Saved entries:
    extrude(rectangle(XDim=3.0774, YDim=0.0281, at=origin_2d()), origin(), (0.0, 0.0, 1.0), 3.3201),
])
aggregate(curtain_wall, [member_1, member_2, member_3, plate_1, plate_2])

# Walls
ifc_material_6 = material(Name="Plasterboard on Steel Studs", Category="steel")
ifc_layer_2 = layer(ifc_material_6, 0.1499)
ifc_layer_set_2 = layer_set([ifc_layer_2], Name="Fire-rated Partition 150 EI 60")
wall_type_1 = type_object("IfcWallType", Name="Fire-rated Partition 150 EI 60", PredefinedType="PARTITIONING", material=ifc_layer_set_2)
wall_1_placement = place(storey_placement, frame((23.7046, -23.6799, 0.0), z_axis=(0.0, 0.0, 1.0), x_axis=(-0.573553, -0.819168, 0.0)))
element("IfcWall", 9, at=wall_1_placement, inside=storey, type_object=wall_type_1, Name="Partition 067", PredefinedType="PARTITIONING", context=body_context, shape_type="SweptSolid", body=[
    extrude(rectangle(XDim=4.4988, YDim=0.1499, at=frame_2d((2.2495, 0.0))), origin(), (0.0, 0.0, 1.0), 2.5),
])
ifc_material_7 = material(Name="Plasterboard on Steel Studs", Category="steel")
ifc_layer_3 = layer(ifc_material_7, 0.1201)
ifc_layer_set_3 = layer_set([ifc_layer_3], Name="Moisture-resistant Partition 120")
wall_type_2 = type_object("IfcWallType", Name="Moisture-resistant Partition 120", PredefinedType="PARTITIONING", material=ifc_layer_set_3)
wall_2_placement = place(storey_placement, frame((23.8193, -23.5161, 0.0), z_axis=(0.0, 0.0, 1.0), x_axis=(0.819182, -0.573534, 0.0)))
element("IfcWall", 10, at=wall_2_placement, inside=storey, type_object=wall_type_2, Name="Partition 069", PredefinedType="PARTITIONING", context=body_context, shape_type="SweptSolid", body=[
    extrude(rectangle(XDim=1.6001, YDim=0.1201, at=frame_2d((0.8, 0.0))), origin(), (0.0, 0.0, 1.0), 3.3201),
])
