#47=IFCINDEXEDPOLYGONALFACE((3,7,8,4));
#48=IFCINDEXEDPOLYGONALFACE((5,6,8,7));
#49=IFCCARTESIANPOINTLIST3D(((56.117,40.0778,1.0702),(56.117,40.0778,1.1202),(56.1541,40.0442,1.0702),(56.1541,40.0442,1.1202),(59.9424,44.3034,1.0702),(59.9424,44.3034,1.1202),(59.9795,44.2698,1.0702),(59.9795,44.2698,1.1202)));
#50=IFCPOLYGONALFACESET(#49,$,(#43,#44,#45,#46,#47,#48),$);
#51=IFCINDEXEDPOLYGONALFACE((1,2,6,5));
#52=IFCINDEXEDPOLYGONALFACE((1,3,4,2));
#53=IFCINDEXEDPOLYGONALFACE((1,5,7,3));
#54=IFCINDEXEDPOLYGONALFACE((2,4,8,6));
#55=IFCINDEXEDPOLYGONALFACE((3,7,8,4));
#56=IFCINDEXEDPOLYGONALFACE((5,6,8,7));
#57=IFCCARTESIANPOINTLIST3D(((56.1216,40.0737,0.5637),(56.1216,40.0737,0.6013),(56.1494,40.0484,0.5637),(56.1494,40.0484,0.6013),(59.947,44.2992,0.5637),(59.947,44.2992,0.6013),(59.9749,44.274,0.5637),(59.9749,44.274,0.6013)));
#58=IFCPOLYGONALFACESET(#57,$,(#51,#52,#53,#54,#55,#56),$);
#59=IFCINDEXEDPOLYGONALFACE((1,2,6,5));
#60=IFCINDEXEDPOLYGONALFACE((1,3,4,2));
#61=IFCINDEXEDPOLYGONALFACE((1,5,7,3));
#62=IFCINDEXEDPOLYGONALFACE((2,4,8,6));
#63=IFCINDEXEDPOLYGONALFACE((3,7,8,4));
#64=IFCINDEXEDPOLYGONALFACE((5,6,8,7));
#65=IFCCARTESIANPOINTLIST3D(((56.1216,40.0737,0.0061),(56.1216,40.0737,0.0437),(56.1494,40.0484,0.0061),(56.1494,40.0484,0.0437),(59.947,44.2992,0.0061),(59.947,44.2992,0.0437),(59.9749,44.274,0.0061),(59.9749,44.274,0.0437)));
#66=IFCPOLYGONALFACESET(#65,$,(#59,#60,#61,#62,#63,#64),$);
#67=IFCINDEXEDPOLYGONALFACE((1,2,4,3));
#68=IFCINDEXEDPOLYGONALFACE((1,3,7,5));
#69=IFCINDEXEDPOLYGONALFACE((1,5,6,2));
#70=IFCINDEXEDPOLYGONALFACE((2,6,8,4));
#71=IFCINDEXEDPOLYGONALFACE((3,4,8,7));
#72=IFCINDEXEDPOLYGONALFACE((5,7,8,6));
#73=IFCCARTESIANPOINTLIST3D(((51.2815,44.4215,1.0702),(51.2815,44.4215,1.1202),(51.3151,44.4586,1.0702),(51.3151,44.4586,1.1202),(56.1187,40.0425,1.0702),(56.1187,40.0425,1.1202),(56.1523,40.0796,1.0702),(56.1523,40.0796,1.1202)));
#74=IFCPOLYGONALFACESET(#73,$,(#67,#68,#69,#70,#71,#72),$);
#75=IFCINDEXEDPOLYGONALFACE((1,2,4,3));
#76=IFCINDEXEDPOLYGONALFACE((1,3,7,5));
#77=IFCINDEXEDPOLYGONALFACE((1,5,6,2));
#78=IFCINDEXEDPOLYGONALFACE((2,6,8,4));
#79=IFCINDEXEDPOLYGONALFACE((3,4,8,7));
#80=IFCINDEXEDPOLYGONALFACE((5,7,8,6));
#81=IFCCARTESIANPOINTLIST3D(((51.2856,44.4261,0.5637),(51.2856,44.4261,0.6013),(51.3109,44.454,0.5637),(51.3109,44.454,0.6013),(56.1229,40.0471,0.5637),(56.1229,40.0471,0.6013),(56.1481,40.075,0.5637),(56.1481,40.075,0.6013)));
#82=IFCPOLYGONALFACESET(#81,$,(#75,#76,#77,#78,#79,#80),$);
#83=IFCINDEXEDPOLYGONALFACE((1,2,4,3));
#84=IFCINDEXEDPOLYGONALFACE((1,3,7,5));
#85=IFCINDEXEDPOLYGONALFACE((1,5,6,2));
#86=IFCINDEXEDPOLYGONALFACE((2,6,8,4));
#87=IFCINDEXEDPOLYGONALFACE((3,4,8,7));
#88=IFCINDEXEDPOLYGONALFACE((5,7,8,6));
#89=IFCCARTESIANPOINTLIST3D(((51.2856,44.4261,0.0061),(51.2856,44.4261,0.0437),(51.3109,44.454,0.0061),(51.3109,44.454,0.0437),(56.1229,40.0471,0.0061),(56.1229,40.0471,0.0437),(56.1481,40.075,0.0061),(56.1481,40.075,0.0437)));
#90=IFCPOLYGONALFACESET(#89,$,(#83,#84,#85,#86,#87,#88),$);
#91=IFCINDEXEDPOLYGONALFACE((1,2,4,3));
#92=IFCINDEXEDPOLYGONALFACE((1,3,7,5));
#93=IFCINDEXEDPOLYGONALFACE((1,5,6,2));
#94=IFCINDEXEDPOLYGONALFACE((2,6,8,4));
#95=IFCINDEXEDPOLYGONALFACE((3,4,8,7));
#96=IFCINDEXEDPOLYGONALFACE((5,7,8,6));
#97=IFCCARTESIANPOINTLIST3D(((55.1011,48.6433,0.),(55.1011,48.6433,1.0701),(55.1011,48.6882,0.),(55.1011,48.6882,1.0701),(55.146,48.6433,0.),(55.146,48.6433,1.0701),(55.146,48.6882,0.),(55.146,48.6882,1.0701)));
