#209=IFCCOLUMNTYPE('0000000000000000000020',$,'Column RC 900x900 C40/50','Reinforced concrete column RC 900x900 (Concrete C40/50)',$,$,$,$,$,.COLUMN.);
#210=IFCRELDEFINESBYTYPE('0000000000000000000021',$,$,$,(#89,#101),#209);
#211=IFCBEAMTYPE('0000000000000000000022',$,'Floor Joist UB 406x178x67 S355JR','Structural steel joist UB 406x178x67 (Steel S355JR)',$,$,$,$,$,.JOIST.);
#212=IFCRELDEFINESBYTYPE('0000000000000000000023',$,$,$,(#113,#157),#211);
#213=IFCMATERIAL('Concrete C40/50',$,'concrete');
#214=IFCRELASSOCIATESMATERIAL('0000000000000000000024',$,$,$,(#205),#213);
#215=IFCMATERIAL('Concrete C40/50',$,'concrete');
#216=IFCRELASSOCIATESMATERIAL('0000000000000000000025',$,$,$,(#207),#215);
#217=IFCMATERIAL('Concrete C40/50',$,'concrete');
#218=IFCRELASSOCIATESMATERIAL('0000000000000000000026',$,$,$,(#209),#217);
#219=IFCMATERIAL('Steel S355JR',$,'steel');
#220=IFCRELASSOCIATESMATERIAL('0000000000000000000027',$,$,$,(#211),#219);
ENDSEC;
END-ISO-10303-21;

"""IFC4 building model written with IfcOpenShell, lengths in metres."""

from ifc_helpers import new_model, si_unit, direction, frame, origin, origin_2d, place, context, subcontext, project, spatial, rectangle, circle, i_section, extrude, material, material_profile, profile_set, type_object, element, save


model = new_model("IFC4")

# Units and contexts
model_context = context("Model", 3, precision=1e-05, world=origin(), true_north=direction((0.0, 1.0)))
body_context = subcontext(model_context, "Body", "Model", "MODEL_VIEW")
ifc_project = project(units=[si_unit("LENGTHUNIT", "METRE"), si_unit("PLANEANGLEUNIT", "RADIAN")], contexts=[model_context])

Exercise instructions: Only lines holding the string "rectangle" are wanted; gather each one from the entries above.

Exercise answer:
    extrude(rectangle(XDim=3.0774, YDim=0.0281, at=origin_2d()), origin(), (0.0, 0.0, 1.0), 3.3201),
    extrude(rectangle(XDim=4.4988, YDim=0.1499, at=frame_2d((2.2495, 0.0))), origin(), (0.0, 0.0, 1.0), 2.5),
    extrude(rectangle(XDim=1.6001, YDim=0.1201, at=frame_2d((0.8, 0.0))), origin(), (0.0, 0.0, 1.0), 3.3201),
from ifc_helpers import new_model, si_unit, direction, frame, origin, origin_2d, place, context, subcontext, project, spatial, rectangle, circle, i_section, extrude, material, material_profile, profile_set, type_object, element, save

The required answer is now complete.